[[ INPUT DATA, beginning ]]
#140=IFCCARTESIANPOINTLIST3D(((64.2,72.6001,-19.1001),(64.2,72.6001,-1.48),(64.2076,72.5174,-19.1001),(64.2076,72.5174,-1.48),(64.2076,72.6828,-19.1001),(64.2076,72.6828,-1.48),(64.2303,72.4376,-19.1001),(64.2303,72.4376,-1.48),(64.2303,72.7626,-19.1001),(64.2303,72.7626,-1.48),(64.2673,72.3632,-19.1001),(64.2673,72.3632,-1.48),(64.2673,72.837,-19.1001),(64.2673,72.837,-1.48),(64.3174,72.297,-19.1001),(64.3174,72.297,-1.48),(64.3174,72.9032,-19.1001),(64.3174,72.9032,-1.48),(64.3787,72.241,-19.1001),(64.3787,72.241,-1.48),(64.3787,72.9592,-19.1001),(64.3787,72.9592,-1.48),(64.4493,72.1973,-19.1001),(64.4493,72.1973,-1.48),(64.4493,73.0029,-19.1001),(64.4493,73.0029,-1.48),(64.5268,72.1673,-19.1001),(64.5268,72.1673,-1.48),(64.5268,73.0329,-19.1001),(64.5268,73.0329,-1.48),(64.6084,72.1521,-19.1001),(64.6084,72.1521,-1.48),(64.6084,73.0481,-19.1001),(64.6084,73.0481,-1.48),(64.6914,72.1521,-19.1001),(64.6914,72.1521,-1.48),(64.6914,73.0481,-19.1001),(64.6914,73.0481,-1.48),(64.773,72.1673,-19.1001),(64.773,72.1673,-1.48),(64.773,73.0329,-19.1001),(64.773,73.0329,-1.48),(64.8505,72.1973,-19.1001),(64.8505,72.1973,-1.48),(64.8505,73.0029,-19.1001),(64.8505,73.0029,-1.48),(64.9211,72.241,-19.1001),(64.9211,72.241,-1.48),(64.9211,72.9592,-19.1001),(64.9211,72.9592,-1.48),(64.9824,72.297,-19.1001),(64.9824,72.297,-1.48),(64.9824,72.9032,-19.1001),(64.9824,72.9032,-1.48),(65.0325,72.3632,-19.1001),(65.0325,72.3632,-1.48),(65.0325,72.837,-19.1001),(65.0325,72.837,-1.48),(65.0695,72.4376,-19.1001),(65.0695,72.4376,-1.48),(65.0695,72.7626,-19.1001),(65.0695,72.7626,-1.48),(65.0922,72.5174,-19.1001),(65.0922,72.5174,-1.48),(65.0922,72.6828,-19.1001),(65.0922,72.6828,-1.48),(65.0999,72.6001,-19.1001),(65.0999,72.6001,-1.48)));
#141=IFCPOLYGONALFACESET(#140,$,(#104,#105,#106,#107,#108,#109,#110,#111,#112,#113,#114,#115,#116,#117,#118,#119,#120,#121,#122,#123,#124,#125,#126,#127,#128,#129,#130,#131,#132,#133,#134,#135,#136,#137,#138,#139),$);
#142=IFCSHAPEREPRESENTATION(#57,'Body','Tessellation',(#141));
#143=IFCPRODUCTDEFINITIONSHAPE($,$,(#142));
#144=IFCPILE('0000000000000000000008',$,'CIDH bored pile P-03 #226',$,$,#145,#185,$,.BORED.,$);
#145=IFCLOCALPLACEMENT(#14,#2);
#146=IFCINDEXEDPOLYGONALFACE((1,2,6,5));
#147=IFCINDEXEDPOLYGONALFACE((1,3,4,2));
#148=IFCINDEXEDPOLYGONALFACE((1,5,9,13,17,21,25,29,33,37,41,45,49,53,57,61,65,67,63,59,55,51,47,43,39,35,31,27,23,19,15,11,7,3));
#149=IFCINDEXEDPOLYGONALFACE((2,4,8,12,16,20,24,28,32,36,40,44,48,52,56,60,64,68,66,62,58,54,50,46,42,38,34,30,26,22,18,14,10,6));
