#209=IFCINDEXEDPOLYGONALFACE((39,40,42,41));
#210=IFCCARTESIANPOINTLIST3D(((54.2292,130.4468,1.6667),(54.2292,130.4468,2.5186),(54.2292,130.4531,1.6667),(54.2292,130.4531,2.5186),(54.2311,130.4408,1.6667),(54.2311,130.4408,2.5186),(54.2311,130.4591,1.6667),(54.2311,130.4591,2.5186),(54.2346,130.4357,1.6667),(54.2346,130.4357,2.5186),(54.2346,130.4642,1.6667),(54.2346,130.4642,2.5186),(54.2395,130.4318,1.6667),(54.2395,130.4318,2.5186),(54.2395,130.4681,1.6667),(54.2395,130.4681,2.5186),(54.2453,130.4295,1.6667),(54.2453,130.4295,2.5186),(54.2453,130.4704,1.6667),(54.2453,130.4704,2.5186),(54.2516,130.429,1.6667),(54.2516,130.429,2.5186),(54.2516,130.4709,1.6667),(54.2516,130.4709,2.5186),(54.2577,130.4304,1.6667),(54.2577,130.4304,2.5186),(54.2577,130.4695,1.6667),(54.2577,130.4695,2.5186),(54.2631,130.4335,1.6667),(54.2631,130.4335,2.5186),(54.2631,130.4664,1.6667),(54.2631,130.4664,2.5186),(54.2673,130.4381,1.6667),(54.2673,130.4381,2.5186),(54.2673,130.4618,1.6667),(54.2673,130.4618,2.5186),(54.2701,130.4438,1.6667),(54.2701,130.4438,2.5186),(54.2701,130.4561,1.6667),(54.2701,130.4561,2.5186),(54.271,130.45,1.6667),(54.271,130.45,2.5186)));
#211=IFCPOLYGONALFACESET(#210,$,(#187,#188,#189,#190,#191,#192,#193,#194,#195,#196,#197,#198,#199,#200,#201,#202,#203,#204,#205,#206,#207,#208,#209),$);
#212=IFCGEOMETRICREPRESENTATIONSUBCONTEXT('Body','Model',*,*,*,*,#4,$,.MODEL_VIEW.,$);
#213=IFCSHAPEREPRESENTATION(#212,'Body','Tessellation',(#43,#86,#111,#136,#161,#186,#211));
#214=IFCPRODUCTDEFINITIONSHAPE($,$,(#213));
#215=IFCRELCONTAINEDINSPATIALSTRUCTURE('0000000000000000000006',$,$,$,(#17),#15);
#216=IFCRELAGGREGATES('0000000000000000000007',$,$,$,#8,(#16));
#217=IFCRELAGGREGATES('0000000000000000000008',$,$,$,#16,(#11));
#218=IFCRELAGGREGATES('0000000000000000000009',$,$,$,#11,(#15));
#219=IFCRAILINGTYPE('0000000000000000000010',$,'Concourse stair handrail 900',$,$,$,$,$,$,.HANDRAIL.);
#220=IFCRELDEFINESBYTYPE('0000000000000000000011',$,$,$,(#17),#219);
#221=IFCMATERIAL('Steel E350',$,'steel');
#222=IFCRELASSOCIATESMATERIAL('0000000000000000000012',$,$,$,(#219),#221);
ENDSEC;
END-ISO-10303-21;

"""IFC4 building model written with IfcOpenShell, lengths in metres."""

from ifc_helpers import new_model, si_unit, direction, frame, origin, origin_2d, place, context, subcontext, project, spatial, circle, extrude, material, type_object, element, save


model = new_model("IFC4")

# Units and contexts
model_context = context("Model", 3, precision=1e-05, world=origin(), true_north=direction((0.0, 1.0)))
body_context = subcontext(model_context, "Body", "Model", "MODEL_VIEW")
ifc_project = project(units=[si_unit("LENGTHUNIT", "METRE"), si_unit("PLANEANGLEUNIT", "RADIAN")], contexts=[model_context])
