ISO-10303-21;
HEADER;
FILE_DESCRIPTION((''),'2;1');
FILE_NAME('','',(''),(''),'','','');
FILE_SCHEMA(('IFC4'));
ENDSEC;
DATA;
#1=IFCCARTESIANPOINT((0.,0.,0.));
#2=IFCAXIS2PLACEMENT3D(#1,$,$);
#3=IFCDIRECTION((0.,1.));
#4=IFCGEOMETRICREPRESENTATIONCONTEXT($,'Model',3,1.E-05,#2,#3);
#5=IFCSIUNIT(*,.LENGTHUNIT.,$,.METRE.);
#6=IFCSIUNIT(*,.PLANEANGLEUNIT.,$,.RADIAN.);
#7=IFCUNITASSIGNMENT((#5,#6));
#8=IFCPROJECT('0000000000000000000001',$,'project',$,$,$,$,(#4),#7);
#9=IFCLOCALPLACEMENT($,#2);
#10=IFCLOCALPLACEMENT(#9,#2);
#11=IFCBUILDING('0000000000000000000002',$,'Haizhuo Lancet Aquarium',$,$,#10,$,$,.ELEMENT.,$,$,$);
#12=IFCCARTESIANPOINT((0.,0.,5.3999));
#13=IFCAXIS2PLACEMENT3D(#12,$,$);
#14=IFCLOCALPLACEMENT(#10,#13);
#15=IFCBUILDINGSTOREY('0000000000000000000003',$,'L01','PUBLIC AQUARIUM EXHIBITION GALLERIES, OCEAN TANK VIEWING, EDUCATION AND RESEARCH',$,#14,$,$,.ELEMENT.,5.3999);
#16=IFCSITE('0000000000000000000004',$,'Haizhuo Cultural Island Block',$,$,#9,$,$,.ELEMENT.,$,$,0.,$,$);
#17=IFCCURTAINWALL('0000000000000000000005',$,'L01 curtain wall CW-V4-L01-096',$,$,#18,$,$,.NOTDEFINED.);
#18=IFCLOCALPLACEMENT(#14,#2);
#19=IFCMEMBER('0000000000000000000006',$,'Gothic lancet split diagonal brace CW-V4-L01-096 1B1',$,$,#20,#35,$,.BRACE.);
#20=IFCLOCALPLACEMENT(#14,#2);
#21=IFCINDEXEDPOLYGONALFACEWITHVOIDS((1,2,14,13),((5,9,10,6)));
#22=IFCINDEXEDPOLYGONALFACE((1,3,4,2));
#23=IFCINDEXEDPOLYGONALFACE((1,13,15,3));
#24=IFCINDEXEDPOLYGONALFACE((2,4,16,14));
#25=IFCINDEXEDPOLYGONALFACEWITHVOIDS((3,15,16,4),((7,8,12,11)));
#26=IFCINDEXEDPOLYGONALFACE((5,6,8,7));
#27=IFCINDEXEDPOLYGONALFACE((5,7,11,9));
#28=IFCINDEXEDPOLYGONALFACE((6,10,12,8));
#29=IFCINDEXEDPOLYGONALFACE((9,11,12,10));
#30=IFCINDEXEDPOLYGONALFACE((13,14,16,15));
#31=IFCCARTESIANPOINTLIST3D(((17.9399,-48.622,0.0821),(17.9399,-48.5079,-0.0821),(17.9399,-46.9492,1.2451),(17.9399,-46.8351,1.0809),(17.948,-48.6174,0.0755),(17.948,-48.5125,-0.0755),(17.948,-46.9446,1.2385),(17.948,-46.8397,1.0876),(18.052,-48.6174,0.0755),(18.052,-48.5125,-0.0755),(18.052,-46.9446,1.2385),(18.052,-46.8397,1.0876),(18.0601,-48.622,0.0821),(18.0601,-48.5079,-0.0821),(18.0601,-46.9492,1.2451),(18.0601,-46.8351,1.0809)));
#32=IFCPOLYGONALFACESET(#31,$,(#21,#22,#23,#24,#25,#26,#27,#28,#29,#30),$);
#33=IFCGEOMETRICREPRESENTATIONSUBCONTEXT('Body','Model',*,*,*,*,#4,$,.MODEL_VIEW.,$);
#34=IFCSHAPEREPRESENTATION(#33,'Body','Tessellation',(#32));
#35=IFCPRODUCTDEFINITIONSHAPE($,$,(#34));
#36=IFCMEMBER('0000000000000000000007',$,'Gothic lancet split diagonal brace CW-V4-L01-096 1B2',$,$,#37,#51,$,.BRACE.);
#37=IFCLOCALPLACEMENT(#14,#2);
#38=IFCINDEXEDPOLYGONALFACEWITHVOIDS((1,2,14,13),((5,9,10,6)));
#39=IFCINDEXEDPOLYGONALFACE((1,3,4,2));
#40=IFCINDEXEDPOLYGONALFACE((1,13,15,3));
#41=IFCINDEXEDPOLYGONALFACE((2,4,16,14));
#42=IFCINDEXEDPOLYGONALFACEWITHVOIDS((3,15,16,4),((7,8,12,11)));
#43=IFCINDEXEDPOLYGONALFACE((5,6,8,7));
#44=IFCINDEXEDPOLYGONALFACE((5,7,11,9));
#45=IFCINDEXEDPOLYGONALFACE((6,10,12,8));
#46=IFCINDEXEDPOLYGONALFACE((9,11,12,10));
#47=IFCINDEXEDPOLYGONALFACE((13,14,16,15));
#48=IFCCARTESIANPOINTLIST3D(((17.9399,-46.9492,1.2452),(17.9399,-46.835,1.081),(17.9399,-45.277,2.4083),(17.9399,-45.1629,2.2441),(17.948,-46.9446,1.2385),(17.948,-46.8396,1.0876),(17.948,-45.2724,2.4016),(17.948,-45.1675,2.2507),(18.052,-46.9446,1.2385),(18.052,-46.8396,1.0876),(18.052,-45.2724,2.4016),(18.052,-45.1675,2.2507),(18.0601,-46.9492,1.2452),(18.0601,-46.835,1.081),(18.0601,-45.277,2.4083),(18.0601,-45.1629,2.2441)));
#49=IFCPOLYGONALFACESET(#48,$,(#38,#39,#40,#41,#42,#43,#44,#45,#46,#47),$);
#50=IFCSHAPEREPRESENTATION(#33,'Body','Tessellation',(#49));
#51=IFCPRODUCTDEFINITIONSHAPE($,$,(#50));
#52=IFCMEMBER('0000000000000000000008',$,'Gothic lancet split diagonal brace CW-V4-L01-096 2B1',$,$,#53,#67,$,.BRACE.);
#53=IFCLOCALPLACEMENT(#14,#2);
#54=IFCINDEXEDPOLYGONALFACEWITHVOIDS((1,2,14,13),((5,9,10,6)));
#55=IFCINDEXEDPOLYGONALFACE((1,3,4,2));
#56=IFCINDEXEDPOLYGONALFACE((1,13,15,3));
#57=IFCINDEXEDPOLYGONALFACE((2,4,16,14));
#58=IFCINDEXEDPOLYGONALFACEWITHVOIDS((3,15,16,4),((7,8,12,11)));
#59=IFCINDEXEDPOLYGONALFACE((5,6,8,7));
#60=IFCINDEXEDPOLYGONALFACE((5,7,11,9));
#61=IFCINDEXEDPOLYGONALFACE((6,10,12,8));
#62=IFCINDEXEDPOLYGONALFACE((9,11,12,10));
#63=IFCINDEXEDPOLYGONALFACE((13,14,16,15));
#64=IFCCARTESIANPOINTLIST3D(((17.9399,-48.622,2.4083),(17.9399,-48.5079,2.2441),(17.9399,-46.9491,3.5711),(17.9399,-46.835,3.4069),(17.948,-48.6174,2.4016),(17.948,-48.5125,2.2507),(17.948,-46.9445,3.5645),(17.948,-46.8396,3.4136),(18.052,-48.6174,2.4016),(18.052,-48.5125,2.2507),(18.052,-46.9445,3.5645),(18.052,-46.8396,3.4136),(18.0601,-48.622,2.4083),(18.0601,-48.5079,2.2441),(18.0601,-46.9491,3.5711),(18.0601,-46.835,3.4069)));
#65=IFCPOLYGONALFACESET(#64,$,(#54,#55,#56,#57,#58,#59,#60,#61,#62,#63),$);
[[ INPUT DATA, end ]]
> **YOUR OBJECTIVE**
Nothing but a number is expected: how many lines in the data above hold the word "diagonal".

> **YOUR SOLUTION**
3